* **WHAT YOU SHOULD DO**
Go through the records and report each line in which the word "IFCSHAPEREPRESENTATION" occurs.

* **Collected data entries**
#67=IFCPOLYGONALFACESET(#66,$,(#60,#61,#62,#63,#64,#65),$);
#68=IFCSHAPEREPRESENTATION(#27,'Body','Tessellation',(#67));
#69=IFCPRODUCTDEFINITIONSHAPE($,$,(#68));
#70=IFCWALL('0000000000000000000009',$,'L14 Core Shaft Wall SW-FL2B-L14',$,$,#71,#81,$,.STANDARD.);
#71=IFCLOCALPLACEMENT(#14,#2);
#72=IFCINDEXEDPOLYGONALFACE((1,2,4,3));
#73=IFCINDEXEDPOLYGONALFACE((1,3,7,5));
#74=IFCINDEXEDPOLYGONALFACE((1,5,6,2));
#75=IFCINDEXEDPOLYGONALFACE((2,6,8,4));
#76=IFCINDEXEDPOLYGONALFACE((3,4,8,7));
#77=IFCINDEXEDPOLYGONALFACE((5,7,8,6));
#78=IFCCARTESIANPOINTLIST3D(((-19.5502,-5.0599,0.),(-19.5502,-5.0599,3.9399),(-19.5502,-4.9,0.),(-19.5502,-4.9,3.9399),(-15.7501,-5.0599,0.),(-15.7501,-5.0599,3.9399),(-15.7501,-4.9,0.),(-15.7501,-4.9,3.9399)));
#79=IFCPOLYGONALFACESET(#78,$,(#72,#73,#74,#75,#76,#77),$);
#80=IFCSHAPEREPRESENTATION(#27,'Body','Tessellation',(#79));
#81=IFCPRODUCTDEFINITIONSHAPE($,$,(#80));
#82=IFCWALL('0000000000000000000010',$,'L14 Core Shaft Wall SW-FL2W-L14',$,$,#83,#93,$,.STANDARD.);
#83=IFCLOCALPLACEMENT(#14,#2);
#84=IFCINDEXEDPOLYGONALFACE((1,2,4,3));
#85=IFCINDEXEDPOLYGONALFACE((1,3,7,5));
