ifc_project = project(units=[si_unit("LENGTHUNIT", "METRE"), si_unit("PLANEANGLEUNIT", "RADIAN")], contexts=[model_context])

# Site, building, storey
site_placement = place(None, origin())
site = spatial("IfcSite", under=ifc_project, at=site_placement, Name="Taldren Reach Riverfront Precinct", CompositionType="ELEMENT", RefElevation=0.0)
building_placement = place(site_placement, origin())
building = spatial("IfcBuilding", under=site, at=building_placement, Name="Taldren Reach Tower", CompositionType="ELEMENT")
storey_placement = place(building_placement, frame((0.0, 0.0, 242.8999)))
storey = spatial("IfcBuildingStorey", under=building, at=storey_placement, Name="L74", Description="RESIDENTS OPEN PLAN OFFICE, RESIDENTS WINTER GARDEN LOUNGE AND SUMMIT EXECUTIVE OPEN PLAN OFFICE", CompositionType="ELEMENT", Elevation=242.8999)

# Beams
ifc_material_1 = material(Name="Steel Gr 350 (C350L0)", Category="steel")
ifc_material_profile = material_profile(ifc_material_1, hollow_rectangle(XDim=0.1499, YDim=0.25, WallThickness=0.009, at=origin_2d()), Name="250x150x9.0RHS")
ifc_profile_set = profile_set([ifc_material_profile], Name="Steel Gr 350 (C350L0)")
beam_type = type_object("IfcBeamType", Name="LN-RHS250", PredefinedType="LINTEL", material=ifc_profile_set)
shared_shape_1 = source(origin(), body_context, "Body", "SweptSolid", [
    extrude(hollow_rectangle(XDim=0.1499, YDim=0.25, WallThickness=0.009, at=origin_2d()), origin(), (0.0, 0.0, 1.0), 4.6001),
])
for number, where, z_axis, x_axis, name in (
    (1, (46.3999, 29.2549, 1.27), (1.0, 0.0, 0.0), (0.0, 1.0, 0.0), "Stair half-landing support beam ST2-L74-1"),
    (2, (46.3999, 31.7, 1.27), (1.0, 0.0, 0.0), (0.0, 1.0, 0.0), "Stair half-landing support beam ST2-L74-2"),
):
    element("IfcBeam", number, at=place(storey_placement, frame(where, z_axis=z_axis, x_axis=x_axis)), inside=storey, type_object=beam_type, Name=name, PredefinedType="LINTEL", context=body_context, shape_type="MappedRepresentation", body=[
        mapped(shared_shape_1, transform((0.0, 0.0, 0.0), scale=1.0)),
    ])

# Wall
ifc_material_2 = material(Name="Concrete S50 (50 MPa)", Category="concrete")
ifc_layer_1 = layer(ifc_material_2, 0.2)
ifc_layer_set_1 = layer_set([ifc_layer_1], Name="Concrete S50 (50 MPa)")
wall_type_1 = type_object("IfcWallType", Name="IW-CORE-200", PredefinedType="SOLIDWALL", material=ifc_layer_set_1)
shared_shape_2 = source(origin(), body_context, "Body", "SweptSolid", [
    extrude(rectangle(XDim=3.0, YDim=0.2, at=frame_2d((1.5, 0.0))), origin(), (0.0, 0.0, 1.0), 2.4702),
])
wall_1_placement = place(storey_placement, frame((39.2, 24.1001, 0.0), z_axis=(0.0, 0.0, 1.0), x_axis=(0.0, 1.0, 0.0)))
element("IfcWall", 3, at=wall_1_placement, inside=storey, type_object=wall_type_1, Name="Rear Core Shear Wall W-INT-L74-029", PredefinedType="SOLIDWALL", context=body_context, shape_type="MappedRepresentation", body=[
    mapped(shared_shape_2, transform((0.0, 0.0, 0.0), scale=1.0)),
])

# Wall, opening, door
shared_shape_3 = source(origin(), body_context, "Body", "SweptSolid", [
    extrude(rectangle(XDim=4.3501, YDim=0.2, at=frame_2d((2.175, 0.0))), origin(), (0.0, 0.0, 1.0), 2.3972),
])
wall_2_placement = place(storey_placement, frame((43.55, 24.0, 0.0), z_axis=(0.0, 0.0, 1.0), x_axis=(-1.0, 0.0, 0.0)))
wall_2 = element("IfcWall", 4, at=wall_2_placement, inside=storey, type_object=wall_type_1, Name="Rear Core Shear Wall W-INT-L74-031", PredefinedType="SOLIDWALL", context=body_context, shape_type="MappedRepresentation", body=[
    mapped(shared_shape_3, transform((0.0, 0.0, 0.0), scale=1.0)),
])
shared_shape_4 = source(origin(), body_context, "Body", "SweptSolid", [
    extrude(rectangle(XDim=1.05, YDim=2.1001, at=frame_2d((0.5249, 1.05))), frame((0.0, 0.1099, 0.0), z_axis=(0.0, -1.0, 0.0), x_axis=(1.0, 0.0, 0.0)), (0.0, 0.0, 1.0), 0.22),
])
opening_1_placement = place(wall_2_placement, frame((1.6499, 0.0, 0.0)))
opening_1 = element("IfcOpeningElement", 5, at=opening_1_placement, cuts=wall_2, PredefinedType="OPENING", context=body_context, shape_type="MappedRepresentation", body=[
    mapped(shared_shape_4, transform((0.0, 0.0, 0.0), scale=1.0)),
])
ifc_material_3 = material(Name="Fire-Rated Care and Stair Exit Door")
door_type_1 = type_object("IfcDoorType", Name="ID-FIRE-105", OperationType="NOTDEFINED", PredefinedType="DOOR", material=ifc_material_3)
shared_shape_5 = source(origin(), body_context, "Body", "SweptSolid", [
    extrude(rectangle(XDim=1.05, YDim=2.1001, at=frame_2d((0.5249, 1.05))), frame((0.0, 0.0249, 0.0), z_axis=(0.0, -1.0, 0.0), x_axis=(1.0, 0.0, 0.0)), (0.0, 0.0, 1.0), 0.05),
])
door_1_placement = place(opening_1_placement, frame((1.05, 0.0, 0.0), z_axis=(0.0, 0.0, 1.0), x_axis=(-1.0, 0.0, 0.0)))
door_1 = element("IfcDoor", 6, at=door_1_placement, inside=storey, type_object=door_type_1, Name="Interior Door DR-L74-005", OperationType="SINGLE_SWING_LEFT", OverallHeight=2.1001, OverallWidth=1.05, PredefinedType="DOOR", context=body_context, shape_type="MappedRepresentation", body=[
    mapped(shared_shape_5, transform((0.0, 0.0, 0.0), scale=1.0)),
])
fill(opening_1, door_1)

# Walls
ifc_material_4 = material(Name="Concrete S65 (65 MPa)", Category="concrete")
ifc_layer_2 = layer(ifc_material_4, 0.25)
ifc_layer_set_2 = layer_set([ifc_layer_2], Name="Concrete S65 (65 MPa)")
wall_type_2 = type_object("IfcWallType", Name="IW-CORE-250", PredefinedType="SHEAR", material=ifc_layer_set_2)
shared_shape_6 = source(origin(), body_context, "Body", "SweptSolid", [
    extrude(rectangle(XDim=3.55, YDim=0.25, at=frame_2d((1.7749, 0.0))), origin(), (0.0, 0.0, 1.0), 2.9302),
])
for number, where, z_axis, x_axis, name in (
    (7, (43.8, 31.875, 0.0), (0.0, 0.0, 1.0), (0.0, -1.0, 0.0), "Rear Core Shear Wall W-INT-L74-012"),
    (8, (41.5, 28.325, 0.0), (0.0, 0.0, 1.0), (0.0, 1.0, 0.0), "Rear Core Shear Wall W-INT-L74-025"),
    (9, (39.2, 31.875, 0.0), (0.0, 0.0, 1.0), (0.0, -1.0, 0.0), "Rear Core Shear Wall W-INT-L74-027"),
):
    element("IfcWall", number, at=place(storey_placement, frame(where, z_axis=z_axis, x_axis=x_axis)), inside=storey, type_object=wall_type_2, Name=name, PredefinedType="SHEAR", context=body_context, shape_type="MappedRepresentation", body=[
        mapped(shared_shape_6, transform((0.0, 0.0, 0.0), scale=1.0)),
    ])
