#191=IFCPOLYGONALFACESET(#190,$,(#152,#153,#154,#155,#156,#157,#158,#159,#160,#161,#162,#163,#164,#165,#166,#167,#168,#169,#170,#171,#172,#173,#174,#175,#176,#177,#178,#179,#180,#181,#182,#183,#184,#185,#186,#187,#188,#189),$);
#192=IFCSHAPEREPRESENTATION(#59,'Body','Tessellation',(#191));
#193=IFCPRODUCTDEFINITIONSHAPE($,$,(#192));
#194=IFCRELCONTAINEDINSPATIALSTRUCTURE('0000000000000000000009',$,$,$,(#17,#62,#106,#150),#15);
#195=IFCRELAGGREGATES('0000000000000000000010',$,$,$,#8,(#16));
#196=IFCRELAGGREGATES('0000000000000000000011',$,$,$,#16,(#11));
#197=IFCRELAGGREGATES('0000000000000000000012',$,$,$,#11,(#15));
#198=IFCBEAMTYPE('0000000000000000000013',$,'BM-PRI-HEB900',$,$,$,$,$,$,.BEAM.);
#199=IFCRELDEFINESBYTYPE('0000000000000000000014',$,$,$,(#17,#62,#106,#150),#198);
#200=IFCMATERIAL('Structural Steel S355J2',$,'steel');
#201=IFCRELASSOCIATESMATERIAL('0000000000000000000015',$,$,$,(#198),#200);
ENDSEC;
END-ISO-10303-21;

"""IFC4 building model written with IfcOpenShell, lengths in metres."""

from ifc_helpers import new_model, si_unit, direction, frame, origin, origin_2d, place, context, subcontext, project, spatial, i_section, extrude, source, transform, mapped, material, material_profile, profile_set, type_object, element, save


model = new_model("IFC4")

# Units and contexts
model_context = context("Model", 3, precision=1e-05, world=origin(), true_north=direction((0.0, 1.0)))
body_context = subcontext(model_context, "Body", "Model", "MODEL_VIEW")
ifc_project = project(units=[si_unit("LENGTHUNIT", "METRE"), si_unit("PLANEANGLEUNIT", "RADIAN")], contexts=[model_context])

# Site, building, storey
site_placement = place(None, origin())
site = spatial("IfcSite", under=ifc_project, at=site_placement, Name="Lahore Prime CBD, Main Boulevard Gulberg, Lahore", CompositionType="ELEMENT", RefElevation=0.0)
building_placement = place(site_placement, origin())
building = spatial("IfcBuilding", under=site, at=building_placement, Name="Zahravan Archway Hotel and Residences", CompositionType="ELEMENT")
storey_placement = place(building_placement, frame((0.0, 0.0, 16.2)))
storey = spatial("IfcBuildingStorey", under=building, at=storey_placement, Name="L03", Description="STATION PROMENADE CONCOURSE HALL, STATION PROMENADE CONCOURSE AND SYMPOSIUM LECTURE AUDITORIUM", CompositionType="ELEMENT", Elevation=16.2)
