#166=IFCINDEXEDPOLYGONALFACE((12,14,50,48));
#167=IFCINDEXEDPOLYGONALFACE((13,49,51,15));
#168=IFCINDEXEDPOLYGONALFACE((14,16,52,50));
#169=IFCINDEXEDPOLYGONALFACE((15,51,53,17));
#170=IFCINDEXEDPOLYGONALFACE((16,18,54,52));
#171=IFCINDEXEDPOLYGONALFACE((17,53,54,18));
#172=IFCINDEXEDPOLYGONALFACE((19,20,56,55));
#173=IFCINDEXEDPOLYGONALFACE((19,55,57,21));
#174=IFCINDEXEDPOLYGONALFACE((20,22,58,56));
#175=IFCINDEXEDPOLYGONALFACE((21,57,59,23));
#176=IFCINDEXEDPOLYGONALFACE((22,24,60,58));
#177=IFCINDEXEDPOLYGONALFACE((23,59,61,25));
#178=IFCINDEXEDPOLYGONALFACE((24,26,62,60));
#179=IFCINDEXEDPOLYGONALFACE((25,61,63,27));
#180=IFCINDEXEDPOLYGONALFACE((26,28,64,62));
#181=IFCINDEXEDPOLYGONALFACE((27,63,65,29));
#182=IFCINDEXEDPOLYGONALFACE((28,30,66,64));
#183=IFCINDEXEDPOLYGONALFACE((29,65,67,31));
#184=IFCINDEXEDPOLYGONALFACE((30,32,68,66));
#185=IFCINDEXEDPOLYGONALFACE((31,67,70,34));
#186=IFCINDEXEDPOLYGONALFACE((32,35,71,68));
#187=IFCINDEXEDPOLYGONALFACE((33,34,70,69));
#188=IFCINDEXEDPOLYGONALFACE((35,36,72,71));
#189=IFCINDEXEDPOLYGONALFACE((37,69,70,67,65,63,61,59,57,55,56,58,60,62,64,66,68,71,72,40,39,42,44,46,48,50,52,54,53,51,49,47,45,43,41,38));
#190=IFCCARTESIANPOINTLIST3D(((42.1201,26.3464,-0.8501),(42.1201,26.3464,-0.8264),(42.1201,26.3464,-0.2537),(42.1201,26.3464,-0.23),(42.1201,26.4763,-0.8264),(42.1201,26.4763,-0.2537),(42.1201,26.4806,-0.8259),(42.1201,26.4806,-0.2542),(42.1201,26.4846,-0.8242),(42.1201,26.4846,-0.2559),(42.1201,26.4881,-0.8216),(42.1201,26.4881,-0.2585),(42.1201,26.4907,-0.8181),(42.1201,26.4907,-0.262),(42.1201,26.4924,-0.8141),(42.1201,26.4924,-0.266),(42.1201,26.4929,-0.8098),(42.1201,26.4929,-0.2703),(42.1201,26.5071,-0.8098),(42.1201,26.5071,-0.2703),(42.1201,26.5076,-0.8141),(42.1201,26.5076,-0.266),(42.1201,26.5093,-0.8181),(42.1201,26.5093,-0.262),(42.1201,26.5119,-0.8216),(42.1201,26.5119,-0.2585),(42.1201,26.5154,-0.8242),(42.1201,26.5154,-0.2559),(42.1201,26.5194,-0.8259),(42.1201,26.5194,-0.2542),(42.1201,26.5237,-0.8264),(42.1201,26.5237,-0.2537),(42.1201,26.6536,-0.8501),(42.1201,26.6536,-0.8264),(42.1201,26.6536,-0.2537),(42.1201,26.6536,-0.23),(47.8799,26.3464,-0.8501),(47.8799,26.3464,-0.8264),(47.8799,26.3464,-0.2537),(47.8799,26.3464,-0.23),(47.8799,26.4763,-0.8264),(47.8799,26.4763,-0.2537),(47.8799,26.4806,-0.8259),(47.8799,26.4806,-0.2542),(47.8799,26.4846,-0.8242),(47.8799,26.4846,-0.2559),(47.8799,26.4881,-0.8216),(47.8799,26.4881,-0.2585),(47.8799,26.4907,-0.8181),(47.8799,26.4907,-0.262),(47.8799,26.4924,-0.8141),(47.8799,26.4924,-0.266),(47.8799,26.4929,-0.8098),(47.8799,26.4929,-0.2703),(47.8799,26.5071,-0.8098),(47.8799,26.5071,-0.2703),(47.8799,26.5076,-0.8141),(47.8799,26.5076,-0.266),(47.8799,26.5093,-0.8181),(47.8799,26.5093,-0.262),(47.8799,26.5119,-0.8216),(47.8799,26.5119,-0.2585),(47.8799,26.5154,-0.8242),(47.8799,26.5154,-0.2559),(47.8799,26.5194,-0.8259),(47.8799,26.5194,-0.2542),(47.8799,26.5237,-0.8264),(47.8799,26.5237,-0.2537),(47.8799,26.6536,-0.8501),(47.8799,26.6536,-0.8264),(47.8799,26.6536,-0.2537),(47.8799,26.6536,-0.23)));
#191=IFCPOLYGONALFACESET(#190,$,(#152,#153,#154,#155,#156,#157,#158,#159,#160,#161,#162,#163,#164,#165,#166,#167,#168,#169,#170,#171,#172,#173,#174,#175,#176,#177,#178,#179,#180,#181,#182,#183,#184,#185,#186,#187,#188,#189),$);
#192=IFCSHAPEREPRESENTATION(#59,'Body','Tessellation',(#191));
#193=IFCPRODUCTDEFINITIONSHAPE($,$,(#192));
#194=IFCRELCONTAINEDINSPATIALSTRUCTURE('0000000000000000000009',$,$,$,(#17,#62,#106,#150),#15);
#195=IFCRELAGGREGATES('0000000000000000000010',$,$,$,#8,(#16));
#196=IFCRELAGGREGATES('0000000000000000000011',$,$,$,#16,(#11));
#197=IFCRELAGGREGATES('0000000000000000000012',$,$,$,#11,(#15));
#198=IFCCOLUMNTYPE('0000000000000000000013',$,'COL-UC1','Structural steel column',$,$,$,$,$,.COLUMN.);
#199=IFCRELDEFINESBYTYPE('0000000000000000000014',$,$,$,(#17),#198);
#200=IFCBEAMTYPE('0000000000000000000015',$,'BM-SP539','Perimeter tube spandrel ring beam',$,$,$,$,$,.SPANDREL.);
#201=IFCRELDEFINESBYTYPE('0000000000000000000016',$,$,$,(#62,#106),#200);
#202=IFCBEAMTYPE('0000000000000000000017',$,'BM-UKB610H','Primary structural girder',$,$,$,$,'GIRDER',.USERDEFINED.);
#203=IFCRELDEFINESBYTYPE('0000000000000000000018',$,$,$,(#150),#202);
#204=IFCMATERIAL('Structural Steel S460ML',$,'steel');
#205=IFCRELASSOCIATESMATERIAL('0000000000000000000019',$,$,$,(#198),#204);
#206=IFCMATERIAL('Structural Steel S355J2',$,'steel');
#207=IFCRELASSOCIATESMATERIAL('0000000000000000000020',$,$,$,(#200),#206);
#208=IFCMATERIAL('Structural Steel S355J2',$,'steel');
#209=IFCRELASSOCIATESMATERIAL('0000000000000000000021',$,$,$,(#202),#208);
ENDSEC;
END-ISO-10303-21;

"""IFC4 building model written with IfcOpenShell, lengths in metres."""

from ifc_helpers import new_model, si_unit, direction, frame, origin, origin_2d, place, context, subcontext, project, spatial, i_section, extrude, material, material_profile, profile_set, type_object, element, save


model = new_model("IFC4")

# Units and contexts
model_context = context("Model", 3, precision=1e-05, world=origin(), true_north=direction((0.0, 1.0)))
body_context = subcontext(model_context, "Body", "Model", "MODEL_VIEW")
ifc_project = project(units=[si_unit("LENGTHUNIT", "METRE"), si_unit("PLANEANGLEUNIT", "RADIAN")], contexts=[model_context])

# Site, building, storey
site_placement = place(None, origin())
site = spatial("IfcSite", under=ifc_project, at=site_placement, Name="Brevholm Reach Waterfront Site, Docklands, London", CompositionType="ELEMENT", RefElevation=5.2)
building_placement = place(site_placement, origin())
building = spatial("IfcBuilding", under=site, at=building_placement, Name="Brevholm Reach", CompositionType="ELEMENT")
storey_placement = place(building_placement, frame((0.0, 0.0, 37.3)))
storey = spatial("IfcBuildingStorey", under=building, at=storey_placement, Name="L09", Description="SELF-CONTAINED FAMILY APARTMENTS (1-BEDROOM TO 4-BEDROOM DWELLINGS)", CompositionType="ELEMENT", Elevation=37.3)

* **ANSWER SPACE**
#68=IFCSHAPEREPRESENTATION(#27,'Body','Tessellation',(#67));
#80=IFCSHAPEREPRESENTATION(#27,'Body','Tessellation',(#79));
#192=IFCSHAPEREPRESENTATION(#59,'Body','Tessellation',(#191));
#192=IFCSHAPEREPRESENTATION(#59,'Body','Tessellation',(#191));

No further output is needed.